● GIVEN RECORDS
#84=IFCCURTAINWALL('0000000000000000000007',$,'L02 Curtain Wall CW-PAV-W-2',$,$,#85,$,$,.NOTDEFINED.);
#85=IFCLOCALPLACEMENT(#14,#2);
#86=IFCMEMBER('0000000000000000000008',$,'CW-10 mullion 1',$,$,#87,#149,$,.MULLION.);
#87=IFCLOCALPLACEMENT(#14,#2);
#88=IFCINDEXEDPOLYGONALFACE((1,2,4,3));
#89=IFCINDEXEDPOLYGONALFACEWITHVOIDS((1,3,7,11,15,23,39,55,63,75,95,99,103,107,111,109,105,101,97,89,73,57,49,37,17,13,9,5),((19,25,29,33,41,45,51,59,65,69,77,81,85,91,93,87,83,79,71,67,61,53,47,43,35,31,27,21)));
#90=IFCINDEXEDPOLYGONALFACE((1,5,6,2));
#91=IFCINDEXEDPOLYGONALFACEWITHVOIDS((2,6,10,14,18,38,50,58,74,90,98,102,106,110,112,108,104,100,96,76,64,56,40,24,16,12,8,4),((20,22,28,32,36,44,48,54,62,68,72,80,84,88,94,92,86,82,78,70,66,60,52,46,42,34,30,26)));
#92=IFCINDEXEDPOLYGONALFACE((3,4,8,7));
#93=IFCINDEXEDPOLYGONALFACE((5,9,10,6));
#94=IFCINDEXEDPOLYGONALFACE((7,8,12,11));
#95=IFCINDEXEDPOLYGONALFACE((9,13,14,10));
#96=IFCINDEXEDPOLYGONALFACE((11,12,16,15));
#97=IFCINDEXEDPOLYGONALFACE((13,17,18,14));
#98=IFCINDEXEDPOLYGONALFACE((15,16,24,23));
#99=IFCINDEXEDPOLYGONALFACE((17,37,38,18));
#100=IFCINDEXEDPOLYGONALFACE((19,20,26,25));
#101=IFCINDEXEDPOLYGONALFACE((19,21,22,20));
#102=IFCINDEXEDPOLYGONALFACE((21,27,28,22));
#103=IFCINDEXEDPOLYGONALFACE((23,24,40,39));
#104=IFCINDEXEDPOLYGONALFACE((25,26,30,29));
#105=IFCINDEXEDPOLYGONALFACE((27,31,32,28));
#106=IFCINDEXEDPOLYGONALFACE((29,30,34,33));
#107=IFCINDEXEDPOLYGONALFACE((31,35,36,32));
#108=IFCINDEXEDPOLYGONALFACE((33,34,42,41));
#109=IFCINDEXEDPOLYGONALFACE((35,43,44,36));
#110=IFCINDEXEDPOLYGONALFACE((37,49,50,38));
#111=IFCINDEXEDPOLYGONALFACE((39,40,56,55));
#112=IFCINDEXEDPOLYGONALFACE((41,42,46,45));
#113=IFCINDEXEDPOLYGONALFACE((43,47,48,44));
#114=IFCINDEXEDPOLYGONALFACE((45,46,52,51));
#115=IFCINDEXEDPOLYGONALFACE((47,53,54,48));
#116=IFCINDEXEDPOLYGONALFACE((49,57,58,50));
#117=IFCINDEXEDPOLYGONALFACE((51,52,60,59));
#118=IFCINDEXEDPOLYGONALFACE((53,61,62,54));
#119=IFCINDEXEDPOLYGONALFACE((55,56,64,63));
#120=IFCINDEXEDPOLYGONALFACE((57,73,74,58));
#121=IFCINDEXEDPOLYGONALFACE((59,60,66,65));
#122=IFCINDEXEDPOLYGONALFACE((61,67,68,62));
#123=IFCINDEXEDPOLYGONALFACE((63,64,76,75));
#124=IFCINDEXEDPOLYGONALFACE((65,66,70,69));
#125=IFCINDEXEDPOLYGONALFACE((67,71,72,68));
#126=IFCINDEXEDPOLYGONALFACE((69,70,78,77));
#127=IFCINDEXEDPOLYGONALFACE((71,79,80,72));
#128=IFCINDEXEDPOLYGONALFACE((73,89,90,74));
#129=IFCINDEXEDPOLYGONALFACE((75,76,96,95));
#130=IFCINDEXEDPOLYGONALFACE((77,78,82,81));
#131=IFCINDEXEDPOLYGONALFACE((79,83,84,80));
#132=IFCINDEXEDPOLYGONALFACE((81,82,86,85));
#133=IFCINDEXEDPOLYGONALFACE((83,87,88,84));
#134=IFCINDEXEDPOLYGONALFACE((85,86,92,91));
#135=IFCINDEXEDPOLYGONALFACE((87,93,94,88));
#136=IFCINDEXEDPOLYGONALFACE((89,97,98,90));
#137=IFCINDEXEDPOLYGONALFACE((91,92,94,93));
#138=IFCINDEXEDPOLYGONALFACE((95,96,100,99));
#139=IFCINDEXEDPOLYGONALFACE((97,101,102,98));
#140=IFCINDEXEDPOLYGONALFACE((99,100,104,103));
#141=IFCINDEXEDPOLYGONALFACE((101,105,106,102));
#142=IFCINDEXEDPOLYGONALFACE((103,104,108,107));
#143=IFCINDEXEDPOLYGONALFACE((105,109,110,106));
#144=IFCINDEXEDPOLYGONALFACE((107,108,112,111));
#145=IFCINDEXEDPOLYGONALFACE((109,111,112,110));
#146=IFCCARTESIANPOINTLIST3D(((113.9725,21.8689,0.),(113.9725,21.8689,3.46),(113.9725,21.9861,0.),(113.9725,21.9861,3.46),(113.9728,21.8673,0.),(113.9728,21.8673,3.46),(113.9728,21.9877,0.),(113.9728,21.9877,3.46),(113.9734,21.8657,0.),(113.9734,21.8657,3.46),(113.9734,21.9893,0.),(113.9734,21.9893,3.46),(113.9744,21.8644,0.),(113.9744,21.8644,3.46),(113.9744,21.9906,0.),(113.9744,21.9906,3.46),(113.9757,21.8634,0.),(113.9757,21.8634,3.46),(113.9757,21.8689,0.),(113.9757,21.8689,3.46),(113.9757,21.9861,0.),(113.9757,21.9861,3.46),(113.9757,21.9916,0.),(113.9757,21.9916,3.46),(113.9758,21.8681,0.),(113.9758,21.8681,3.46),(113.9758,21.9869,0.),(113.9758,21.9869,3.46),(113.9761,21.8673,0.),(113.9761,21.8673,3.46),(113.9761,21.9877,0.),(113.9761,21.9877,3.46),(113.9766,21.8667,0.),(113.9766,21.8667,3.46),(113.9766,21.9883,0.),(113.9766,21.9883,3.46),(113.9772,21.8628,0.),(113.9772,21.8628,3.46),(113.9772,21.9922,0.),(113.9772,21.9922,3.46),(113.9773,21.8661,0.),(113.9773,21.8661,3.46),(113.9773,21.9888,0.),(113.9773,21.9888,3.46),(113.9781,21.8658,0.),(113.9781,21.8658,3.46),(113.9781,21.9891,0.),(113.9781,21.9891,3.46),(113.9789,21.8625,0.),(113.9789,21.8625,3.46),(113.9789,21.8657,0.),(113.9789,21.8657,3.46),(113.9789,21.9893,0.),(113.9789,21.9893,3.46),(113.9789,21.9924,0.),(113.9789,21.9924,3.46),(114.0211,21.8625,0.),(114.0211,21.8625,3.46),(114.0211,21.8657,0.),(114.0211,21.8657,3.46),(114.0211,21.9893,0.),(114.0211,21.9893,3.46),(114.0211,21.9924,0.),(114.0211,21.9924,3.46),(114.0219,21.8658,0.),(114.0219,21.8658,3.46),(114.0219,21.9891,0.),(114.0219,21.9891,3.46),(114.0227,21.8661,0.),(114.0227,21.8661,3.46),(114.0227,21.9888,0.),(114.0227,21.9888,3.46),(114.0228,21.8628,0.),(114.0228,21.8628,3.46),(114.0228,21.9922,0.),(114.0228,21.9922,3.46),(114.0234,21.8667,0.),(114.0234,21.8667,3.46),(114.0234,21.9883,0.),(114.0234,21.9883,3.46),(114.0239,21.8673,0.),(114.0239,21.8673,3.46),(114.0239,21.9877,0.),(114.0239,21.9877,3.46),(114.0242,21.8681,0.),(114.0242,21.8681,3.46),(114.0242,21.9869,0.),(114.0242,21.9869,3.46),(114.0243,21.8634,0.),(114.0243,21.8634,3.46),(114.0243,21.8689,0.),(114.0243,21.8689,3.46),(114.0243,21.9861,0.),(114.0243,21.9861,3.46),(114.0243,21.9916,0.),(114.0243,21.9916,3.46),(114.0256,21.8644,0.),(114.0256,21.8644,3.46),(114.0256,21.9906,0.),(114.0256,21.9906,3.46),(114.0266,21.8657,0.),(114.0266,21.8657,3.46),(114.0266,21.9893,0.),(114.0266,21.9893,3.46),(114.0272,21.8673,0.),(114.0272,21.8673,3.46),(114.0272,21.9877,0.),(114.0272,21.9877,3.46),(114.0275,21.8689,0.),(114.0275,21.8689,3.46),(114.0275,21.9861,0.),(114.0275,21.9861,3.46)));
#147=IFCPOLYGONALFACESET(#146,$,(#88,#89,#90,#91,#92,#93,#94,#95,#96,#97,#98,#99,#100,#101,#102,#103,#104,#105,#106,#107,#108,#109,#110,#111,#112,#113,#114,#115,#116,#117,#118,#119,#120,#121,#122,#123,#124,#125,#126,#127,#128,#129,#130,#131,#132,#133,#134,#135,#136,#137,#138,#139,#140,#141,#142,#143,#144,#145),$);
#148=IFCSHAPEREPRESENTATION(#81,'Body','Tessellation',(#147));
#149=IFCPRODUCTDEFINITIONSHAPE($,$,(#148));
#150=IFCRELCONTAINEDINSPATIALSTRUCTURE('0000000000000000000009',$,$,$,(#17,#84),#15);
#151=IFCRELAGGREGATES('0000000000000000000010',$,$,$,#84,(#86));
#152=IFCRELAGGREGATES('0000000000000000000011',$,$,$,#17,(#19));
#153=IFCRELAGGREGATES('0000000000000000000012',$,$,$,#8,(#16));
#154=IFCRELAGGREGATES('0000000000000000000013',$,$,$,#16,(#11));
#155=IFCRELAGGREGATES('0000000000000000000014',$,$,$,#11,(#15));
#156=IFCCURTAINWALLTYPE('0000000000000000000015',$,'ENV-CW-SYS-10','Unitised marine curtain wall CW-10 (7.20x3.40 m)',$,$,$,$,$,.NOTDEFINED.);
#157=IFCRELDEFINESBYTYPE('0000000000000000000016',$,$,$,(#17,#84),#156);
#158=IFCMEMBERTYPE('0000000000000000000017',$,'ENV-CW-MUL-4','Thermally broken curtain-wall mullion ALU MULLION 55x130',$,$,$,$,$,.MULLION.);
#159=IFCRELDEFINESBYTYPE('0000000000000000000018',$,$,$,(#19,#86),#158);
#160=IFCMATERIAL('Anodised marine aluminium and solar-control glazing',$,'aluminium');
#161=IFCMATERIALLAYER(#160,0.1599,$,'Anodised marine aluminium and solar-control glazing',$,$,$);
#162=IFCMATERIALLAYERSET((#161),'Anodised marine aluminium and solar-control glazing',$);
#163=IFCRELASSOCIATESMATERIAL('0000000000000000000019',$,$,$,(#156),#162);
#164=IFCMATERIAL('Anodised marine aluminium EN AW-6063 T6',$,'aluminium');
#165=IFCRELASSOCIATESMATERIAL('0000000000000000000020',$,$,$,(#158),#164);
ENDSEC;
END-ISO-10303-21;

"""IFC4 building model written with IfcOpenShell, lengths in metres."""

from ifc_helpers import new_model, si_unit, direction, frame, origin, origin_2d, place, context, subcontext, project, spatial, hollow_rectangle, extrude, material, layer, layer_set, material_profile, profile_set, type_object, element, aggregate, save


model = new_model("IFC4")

● TASK TO COMPLETE
Please retype the records above starting with the line that contains "from ifc_helpers import" and stopping after the last line, changing nothing.

● WRITTEN ANSWER
from ifc_helpers import new_model, si_unit, direction, frame, origin, origin_2d, place, context, subcontext, project, spatial, hollow_rectangle, extrude, material, layer, layer_set, material_profile, profile_set, type_object, element, aggregate, save


model = new_model("IFC4")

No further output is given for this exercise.